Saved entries
========

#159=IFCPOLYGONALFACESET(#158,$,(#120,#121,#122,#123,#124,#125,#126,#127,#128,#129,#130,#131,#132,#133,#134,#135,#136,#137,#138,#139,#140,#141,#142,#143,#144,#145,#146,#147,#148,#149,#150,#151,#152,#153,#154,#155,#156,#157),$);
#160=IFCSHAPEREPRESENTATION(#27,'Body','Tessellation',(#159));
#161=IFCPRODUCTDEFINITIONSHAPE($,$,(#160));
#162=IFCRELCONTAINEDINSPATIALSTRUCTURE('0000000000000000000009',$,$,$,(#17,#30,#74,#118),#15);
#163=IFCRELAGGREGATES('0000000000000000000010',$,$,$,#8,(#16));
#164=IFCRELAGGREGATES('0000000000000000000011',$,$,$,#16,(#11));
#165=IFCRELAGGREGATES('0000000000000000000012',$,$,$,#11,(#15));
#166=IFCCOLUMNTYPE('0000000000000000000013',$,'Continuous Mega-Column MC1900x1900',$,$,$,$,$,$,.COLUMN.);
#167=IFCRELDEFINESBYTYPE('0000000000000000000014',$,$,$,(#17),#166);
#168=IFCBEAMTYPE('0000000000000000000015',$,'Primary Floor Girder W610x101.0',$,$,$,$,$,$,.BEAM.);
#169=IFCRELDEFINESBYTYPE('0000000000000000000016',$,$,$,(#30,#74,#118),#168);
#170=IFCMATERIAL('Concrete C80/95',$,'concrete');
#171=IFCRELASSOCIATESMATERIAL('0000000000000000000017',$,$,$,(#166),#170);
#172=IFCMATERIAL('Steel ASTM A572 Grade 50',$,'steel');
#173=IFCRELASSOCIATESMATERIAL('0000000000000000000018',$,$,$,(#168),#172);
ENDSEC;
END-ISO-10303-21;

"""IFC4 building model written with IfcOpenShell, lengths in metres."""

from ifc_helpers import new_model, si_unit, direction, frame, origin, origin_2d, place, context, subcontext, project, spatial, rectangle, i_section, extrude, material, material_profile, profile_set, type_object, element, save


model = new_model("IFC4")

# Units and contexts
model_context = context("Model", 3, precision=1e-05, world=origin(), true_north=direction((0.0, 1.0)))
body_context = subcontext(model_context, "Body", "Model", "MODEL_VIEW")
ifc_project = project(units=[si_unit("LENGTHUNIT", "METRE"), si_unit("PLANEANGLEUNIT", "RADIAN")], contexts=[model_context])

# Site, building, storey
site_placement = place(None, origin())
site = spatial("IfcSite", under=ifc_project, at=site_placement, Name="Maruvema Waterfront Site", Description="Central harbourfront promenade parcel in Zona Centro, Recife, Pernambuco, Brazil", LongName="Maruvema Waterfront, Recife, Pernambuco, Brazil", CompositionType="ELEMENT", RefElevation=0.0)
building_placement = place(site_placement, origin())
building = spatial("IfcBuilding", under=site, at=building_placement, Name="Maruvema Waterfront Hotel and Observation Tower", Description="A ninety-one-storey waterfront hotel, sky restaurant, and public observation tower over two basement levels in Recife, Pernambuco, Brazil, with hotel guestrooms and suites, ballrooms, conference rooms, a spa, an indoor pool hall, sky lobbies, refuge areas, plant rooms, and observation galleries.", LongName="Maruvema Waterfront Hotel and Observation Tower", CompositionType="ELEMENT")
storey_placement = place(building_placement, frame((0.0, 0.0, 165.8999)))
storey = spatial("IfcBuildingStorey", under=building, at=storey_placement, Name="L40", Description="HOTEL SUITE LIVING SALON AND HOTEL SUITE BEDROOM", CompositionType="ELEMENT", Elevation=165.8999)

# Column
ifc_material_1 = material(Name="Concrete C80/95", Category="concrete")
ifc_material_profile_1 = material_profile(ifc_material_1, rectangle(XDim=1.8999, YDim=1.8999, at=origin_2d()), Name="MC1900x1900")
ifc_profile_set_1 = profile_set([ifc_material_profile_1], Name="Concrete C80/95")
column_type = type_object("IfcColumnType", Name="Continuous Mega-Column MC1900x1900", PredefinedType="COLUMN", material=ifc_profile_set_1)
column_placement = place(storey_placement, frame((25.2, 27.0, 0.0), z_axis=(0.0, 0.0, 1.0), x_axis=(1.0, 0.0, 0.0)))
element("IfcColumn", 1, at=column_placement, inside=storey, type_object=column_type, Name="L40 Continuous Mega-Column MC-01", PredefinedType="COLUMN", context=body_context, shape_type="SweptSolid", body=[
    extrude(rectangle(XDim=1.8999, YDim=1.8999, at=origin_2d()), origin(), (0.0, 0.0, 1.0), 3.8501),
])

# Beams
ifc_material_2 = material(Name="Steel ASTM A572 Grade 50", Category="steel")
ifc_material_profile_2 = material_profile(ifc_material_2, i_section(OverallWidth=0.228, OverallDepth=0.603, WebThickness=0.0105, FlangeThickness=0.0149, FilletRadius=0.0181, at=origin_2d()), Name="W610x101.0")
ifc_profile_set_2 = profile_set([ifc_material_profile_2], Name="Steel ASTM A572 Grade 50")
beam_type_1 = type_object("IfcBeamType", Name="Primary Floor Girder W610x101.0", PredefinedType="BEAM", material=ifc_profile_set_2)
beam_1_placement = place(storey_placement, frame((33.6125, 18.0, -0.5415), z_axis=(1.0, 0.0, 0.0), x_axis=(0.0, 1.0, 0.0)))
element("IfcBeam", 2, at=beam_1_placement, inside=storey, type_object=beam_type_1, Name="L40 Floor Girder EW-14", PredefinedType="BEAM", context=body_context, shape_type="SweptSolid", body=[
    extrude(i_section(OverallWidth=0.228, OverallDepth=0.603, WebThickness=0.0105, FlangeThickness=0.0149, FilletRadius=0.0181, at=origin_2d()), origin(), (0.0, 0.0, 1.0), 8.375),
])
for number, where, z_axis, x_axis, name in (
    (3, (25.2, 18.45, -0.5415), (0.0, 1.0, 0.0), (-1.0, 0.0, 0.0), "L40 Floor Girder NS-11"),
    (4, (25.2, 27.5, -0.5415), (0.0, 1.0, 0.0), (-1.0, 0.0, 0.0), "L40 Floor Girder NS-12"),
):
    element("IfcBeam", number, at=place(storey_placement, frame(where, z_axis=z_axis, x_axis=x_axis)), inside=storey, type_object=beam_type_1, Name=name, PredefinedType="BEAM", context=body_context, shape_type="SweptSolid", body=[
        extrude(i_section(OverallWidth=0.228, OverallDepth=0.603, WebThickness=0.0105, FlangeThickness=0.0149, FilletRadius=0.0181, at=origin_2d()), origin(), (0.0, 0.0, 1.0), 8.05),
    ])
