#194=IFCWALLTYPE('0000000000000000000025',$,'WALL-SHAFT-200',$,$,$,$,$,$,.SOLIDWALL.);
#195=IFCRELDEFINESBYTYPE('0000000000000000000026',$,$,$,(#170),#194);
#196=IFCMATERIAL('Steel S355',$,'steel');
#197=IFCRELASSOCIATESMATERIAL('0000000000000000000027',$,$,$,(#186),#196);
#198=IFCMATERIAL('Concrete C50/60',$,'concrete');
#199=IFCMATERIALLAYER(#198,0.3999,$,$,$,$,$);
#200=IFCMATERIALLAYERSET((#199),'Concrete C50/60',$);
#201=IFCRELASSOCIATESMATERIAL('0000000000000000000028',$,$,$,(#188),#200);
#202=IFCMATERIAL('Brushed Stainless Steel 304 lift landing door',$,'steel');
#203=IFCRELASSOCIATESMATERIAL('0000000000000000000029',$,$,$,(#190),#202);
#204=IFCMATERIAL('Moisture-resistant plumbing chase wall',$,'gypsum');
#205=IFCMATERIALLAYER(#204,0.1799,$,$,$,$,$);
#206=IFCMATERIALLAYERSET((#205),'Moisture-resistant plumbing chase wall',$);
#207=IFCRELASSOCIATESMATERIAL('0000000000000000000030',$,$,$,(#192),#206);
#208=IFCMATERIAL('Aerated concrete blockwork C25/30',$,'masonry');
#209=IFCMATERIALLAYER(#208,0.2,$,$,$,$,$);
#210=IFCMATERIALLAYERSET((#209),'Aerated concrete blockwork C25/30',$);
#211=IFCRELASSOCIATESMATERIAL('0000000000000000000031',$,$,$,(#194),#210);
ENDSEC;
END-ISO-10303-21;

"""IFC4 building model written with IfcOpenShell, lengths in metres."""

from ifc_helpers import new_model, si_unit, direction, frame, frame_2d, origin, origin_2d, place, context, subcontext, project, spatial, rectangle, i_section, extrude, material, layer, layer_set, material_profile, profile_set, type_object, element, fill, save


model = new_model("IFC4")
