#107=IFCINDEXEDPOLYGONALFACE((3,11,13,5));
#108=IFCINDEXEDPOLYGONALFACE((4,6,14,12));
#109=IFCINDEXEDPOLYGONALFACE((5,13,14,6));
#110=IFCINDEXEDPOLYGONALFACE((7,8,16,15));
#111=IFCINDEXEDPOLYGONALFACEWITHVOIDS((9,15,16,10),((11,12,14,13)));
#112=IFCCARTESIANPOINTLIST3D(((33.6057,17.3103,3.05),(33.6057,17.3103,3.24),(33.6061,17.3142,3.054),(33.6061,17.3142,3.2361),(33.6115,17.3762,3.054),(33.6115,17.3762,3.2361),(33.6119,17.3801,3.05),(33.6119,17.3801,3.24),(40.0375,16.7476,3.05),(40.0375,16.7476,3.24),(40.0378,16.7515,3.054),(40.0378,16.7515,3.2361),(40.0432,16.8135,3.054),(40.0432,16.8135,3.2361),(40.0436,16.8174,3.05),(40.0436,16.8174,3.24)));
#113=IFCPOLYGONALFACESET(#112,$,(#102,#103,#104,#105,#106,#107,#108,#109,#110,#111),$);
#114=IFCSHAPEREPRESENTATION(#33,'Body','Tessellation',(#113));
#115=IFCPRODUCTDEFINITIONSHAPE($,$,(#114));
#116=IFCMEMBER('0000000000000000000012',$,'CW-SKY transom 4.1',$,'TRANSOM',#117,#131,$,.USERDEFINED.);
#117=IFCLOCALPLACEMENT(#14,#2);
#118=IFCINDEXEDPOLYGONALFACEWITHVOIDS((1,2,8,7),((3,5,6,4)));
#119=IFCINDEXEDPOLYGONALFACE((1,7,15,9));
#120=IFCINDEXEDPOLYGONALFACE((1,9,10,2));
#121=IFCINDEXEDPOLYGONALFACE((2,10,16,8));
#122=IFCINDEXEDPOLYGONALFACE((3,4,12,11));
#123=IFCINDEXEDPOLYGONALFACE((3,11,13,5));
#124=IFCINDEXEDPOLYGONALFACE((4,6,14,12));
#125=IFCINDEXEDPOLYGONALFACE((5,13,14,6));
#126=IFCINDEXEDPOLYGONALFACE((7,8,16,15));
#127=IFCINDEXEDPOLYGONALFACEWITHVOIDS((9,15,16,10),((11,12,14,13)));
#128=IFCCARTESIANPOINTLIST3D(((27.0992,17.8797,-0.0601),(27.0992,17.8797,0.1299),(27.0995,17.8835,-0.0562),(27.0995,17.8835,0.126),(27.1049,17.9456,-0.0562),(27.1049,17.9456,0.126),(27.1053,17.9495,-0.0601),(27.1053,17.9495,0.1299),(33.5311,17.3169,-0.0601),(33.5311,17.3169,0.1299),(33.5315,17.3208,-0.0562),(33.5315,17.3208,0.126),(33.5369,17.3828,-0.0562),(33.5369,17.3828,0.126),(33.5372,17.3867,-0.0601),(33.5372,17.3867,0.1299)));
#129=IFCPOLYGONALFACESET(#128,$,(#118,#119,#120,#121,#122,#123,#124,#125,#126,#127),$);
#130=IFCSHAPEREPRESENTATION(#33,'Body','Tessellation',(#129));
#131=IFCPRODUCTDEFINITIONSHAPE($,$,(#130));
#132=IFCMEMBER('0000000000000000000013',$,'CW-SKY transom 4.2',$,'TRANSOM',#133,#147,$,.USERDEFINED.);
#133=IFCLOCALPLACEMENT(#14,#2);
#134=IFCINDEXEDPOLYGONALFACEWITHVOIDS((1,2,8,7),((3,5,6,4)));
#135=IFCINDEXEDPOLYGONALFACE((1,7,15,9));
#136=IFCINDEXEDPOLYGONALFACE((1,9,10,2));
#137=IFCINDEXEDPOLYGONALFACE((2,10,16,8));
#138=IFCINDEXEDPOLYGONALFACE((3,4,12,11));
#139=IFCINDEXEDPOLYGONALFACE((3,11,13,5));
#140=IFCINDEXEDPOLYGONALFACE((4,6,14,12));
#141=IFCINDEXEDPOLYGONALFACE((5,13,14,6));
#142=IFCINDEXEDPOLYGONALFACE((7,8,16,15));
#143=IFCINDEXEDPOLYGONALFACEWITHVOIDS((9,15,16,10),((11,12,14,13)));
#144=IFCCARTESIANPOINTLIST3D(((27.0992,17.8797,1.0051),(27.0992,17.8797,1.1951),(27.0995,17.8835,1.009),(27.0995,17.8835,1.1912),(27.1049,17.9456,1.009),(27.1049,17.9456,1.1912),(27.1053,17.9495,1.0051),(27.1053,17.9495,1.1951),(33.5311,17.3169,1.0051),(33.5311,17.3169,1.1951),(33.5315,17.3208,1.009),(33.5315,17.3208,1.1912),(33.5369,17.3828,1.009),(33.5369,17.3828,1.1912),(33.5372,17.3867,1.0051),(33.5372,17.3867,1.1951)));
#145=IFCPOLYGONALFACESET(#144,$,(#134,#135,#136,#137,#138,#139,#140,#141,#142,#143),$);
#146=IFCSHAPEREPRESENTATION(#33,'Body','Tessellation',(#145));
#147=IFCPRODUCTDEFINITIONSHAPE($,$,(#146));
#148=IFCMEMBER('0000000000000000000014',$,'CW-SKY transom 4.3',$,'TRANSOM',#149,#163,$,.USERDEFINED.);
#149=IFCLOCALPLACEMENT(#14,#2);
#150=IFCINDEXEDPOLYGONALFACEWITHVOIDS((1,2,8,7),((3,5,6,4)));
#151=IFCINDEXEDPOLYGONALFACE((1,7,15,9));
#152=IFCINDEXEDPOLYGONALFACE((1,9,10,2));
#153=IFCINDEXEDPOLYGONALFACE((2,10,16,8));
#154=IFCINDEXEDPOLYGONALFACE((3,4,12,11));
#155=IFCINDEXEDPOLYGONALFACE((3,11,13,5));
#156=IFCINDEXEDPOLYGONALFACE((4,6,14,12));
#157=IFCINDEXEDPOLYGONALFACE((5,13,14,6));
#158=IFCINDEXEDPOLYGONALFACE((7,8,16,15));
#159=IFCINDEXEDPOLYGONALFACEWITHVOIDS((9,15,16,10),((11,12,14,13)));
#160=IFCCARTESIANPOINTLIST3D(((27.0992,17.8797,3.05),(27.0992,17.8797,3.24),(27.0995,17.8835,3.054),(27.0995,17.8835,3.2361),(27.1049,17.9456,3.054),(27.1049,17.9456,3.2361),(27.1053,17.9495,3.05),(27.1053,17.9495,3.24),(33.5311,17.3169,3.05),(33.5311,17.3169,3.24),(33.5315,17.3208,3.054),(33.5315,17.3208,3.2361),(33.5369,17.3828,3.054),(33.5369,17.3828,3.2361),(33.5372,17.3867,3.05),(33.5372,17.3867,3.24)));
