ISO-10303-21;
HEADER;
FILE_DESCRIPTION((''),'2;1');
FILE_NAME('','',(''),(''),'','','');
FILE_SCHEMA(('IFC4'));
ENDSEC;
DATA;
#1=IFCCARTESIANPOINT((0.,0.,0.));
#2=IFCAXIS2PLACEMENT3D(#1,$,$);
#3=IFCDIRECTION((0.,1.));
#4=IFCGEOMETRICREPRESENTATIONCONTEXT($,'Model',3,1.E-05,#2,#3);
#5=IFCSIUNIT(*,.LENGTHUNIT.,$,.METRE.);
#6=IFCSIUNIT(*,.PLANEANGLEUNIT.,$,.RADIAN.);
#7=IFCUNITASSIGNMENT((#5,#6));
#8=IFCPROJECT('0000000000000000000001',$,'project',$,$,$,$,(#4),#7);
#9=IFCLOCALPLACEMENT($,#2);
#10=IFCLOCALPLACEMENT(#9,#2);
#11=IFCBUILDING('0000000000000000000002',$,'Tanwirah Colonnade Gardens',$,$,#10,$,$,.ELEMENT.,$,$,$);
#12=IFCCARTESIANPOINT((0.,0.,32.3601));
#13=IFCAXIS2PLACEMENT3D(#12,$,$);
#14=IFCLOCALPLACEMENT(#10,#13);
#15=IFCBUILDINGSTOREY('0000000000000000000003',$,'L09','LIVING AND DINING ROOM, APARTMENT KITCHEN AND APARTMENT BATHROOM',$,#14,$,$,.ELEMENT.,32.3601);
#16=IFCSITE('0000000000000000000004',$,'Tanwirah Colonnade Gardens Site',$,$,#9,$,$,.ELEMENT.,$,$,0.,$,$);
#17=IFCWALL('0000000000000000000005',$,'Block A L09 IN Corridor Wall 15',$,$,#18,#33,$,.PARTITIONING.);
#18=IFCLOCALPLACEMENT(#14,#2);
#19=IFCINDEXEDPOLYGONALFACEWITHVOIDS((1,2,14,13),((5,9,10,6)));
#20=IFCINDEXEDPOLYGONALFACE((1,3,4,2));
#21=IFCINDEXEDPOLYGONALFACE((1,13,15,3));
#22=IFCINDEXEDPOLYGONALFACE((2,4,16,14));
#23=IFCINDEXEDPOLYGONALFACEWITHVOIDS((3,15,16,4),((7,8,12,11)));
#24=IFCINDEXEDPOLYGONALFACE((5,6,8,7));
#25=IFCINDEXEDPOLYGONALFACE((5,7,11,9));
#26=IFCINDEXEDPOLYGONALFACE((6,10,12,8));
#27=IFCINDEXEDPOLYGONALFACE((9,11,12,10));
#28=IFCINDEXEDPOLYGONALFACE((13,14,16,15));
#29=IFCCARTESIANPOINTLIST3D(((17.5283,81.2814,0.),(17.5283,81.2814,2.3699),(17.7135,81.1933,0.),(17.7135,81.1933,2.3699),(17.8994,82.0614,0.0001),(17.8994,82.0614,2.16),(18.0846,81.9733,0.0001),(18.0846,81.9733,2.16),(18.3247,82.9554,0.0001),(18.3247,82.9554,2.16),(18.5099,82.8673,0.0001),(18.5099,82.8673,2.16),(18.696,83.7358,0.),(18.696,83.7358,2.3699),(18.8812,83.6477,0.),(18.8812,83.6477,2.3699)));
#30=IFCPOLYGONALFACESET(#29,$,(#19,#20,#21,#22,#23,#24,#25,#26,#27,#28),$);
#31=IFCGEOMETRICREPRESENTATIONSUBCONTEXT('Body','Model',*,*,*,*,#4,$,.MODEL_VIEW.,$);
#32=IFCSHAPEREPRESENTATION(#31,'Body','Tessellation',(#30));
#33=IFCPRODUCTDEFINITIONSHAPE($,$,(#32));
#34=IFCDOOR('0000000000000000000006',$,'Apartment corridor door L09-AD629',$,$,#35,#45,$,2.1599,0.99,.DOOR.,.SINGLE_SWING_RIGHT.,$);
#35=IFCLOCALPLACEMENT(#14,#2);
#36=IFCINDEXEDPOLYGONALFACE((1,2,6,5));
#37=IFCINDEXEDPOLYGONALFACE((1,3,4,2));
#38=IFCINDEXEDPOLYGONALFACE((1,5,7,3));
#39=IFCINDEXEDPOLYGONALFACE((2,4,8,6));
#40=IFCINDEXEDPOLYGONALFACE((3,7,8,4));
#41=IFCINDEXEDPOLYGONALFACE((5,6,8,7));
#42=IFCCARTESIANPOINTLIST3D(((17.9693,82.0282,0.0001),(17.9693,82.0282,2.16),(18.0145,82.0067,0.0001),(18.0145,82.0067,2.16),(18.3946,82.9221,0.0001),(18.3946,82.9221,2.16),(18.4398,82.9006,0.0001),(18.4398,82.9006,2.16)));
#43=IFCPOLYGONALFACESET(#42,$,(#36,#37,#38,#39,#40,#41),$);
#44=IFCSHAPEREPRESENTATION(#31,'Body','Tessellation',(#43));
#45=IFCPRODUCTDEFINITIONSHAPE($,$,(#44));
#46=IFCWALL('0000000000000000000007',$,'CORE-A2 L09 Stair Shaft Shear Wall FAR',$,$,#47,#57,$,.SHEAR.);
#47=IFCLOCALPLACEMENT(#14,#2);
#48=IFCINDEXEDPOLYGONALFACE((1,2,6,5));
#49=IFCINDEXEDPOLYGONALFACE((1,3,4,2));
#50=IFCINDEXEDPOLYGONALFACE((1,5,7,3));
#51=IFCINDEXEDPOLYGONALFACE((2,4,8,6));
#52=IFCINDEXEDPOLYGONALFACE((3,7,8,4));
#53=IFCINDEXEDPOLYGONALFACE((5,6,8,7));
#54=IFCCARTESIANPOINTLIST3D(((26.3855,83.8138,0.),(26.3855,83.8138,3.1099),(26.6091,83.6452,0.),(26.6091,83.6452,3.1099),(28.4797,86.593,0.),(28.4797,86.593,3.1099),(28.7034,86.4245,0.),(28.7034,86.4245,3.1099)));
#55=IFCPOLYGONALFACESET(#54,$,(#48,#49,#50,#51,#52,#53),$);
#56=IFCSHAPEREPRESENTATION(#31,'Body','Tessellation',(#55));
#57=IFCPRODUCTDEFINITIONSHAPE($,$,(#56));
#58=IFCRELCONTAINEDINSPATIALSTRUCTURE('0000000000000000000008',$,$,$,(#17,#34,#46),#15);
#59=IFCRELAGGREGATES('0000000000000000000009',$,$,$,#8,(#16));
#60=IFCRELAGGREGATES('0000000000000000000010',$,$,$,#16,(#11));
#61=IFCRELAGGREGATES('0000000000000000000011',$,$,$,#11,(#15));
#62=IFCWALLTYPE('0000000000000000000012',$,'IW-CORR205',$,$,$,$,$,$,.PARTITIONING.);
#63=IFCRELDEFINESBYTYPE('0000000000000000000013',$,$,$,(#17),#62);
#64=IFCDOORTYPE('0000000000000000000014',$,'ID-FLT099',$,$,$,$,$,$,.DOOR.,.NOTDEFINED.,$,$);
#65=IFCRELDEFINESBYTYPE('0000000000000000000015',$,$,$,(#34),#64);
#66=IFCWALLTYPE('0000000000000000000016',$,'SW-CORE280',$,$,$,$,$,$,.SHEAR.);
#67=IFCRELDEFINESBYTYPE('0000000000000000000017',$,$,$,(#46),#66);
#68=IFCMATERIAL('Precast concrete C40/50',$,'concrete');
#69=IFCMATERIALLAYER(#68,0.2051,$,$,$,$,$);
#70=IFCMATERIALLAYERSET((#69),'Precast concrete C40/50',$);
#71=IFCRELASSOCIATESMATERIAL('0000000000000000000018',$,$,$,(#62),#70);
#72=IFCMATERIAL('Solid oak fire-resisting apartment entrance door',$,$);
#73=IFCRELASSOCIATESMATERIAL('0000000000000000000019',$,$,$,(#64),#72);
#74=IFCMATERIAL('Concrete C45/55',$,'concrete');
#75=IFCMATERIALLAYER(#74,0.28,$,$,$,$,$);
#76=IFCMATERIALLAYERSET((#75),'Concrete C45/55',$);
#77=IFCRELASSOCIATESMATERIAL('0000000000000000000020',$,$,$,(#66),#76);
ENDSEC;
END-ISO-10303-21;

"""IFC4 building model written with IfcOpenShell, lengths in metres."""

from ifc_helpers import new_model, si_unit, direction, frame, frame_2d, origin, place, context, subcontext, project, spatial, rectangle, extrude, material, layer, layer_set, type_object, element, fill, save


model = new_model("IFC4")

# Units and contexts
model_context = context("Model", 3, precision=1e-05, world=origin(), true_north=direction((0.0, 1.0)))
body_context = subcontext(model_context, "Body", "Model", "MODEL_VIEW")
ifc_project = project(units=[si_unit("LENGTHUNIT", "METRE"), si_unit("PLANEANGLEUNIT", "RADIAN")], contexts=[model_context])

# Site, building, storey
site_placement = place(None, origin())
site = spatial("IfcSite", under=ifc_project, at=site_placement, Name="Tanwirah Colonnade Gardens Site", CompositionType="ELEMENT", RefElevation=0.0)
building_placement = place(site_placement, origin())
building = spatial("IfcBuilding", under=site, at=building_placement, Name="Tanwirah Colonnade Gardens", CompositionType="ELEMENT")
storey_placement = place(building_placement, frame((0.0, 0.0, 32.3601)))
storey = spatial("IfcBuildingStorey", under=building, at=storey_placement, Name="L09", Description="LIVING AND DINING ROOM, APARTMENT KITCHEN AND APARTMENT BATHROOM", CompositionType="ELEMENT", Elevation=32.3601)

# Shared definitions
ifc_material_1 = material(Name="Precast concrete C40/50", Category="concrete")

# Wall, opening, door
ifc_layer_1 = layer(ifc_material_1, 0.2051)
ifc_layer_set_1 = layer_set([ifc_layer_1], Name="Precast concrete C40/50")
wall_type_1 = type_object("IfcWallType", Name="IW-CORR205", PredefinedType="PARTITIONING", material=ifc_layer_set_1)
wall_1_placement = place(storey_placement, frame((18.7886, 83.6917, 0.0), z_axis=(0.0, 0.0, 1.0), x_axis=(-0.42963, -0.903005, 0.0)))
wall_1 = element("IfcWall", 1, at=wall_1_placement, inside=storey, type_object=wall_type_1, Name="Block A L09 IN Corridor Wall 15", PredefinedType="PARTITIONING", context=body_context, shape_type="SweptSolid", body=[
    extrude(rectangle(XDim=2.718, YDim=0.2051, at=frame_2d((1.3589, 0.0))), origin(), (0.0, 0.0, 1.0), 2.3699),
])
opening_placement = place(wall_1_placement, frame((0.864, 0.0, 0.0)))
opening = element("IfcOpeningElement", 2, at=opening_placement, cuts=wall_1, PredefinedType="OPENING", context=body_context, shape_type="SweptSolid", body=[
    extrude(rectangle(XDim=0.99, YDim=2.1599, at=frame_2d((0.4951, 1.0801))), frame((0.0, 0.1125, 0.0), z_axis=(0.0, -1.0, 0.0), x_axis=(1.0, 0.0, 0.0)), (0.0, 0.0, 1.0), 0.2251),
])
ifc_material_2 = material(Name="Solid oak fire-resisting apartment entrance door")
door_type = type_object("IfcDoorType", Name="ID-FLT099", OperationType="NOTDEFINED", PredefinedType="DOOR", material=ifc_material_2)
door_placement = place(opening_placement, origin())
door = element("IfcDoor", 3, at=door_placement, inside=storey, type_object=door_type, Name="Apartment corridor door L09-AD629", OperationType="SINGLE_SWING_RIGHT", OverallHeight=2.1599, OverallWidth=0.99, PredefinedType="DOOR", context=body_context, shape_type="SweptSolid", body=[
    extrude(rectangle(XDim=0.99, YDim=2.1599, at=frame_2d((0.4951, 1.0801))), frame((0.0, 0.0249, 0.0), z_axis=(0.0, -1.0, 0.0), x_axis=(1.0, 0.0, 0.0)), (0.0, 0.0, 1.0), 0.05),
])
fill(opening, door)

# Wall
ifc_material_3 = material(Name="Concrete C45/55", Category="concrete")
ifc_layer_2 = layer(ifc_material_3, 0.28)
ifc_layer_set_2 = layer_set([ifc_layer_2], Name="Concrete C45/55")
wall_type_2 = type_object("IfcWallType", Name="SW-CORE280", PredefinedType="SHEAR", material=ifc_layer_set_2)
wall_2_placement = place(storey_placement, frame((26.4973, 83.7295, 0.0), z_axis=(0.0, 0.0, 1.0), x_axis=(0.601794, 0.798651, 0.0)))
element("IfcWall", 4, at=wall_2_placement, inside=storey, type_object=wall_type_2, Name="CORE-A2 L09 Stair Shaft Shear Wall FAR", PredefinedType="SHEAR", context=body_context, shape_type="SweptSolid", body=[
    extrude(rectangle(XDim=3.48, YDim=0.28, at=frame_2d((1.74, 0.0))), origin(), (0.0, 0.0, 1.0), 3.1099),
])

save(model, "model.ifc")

========

### About this task
Go through the entries above and count the lines holding the word "Maruvema"; write nothing but the number.

### Response for this exercise
2